WHAT THE TASK ASKS
Tell how many lines in these records contain the string "IFCLOCALPLACEMENT", with only the number as the reply.

Dataset records:
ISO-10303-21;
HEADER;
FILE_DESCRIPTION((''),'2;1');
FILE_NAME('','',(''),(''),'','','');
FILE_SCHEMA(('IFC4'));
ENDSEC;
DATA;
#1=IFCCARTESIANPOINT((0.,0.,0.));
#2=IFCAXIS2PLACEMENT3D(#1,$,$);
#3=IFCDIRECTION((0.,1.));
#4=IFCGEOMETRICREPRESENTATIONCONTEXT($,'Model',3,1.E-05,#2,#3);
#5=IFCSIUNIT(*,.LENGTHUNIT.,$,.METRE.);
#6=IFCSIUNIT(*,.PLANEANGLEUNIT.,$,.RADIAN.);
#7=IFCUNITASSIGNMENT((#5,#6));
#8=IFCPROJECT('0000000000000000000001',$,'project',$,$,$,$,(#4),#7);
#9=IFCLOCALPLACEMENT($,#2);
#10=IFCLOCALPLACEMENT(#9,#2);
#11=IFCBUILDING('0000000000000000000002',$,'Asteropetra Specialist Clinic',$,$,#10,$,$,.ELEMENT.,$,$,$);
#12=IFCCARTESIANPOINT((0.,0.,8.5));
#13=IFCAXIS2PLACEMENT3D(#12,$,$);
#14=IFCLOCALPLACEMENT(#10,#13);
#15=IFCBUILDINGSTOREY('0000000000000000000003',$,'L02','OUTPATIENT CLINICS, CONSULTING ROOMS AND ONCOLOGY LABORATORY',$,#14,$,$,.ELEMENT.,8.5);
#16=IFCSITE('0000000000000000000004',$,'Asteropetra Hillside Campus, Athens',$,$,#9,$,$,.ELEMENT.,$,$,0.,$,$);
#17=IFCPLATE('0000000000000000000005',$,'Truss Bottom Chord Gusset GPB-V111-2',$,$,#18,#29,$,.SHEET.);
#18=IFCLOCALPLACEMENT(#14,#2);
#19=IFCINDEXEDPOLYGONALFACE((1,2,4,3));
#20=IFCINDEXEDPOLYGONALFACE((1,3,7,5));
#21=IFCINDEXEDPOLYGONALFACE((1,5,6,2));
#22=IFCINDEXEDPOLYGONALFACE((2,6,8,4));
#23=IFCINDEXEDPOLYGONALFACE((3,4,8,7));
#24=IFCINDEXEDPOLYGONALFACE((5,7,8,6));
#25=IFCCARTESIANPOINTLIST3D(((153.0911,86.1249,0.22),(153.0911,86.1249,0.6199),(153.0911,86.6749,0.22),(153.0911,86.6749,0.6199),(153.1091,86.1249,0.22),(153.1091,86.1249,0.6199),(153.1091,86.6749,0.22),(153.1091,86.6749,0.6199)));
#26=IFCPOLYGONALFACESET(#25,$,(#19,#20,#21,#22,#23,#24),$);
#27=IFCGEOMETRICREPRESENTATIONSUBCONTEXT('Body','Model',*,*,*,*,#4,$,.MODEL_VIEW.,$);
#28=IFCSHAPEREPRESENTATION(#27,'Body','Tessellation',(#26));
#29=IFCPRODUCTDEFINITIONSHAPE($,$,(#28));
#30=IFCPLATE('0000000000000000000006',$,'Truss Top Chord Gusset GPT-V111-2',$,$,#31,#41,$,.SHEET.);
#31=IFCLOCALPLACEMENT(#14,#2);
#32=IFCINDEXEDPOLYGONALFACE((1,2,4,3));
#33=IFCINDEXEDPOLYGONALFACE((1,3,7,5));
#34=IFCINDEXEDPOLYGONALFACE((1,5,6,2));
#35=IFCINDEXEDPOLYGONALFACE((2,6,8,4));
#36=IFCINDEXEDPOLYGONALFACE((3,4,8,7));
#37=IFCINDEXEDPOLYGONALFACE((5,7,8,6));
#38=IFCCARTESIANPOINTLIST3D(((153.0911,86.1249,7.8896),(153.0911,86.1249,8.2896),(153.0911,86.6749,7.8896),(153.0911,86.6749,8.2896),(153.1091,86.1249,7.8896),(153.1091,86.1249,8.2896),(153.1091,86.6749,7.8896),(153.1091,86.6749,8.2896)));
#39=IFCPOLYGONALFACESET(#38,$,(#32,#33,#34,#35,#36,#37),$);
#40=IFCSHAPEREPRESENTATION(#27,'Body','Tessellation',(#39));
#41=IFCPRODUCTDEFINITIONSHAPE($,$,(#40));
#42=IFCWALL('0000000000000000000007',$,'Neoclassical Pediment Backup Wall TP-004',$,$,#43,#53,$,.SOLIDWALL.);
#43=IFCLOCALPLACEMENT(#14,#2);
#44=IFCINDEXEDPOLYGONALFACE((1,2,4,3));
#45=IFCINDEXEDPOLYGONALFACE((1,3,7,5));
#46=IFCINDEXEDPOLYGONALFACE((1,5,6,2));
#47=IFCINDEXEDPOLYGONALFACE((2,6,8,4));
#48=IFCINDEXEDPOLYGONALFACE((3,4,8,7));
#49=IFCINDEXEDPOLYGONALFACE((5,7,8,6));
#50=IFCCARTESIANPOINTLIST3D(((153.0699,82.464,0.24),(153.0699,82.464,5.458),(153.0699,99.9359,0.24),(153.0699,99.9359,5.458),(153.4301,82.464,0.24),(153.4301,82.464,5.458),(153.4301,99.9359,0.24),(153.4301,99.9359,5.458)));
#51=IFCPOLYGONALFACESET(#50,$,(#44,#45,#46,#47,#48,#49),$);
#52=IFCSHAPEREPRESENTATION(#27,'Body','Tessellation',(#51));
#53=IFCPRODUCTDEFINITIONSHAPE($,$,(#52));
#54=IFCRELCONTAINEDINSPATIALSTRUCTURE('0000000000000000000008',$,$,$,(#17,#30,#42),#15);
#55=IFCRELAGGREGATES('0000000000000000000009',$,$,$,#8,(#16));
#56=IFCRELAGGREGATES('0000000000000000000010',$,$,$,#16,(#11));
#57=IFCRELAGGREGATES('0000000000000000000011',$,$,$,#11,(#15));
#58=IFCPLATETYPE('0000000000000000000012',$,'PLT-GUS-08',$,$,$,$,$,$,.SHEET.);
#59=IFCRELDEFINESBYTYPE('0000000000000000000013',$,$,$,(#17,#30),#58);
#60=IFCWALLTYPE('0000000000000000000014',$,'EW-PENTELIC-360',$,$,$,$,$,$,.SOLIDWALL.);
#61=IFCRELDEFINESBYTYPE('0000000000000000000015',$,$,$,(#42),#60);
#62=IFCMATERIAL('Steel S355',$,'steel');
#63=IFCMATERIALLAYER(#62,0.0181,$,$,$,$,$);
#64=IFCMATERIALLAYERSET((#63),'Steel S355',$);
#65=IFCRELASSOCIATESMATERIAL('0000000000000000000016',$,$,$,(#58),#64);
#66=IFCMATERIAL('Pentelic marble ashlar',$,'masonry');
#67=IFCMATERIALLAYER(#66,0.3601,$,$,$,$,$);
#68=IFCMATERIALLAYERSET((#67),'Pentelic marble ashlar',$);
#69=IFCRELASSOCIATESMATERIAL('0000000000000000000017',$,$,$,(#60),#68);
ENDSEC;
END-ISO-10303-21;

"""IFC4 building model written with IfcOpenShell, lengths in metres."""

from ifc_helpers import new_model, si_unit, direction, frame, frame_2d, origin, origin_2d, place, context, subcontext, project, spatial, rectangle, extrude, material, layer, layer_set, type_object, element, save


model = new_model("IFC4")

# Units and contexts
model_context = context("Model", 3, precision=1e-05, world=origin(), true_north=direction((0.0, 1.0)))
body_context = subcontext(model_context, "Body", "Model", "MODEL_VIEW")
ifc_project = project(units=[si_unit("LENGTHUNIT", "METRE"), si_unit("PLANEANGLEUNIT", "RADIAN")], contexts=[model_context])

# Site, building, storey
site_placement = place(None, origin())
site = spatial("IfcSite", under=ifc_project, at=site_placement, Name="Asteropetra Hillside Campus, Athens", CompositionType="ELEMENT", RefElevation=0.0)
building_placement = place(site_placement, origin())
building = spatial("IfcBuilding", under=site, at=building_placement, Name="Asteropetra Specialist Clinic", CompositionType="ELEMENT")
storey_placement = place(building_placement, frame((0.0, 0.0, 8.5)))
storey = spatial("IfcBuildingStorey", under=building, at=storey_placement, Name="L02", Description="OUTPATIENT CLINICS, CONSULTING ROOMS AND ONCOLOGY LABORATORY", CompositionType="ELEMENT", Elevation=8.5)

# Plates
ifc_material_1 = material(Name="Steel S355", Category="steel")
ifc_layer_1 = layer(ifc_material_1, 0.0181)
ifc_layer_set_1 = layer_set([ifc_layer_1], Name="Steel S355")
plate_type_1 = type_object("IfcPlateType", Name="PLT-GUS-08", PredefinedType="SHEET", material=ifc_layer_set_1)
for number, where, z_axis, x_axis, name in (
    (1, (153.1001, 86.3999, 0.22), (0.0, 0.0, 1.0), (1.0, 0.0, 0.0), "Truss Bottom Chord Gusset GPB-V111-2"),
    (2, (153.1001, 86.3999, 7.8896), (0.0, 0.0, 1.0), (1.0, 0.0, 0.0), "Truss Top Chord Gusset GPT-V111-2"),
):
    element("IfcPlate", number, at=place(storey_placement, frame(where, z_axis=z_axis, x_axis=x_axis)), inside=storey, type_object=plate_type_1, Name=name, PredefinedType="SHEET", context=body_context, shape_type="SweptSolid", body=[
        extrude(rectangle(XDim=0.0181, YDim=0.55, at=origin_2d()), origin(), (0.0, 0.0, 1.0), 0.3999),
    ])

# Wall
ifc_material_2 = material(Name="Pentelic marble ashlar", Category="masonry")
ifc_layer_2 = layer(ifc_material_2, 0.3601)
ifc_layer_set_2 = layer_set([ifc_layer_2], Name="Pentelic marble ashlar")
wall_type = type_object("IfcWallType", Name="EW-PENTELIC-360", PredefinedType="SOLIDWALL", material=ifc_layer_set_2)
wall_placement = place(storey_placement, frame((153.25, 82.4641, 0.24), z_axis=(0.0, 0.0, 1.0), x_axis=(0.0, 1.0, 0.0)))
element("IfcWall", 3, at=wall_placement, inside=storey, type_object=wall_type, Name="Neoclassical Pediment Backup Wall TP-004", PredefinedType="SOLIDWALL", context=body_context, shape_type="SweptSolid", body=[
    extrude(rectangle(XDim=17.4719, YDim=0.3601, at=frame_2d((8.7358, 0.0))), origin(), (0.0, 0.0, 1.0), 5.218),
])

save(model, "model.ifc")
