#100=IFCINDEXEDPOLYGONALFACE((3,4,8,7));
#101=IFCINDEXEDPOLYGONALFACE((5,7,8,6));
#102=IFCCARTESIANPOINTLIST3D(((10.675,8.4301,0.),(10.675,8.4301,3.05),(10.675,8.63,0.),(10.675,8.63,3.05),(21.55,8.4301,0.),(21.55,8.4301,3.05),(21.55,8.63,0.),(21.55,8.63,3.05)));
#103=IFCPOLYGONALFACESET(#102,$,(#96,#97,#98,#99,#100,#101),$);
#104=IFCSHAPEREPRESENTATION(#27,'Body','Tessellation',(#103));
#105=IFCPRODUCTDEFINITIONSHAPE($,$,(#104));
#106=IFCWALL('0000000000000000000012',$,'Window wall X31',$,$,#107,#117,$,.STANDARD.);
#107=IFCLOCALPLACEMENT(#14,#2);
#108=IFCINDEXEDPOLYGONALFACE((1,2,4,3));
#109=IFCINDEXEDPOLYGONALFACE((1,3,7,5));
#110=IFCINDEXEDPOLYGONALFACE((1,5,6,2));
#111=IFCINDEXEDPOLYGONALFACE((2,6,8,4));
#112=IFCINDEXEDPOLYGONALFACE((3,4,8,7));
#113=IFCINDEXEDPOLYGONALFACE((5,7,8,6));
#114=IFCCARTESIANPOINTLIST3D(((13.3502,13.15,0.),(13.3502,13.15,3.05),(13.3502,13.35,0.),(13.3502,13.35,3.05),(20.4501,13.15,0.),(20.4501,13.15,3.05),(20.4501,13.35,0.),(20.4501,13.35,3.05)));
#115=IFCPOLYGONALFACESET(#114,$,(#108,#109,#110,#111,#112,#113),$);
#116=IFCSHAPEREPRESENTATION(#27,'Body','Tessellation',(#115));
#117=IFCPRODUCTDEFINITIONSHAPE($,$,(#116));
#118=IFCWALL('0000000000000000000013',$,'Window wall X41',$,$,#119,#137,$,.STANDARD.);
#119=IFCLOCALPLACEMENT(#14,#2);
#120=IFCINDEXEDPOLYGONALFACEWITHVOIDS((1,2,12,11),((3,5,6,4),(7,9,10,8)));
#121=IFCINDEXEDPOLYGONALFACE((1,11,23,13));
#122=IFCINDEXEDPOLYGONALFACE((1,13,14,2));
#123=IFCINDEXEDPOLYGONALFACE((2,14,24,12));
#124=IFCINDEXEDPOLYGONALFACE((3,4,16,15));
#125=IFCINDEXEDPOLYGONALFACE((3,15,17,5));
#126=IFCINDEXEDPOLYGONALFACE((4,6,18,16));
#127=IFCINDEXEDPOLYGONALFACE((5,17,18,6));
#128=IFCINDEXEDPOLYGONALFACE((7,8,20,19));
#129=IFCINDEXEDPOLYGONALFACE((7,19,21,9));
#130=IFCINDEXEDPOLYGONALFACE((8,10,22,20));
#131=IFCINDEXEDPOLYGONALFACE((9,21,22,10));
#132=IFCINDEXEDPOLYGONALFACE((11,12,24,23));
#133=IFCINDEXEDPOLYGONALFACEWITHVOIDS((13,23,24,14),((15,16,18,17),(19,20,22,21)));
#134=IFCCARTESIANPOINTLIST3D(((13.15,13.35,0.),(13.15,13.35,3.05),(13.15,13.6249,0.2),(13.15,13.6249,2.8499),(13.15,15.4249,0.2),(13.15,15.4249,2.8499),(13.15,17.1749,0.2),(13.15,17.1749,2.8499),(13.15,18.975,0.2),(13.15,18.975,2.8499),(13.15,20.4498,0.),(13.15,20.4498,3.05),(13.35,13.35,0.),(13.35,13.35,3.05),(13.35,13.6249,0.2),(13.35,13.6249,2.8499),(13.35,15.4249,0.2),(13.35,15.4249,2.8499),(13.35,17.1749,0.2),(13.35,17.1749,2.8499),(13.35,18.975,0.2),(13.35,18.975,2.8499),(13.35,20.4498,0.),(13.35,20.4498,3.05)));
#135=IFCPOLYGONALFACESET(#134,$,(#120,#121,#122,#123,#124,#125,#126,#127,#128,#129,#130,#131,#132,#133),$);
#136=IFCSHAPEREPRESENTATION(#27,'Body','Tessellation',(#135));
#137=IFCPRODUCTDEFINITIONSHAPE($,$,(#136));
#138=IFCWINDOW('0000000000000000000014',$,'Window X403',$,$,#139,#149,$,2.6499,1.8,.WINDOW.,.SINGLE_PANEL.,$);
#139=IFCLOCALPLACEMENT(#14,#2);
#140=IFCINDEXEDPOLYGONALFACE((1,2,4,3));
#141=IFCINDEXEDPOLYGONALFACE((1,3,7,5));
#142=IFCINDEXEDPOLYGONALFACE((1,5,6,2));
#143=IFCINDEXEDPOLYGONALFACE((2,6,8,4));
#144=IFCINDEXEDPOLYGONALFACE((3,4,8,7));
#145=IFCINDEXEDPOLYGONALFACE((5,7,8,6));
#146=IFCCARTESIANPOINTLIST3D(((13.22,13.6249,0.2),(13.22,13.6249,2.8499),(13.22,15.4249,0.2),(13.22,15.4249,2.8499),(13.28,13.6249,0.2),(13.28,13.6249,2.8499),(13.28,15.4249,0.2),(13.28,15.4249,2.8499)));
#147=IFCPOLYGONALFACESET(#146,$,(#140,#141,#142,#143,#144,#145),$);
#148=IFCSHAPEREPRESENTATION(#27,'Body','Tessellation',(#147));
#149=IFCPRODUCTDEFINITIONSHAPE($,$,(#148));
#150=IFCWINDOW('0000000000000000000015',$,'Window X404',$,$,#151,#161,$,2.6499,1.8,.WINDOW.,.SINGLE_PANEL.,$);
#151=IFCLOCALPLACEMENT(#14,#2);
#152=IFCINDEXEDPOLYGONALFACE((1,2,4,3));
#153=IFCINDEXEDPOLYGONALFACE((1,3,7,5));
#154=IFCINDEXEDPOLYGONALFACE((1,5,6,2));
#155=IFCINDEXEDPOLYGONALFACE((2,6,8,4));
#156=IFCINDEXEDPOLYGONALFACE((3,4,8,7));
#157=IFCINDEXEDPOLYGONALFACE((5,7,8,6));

TASK RESPONSE
10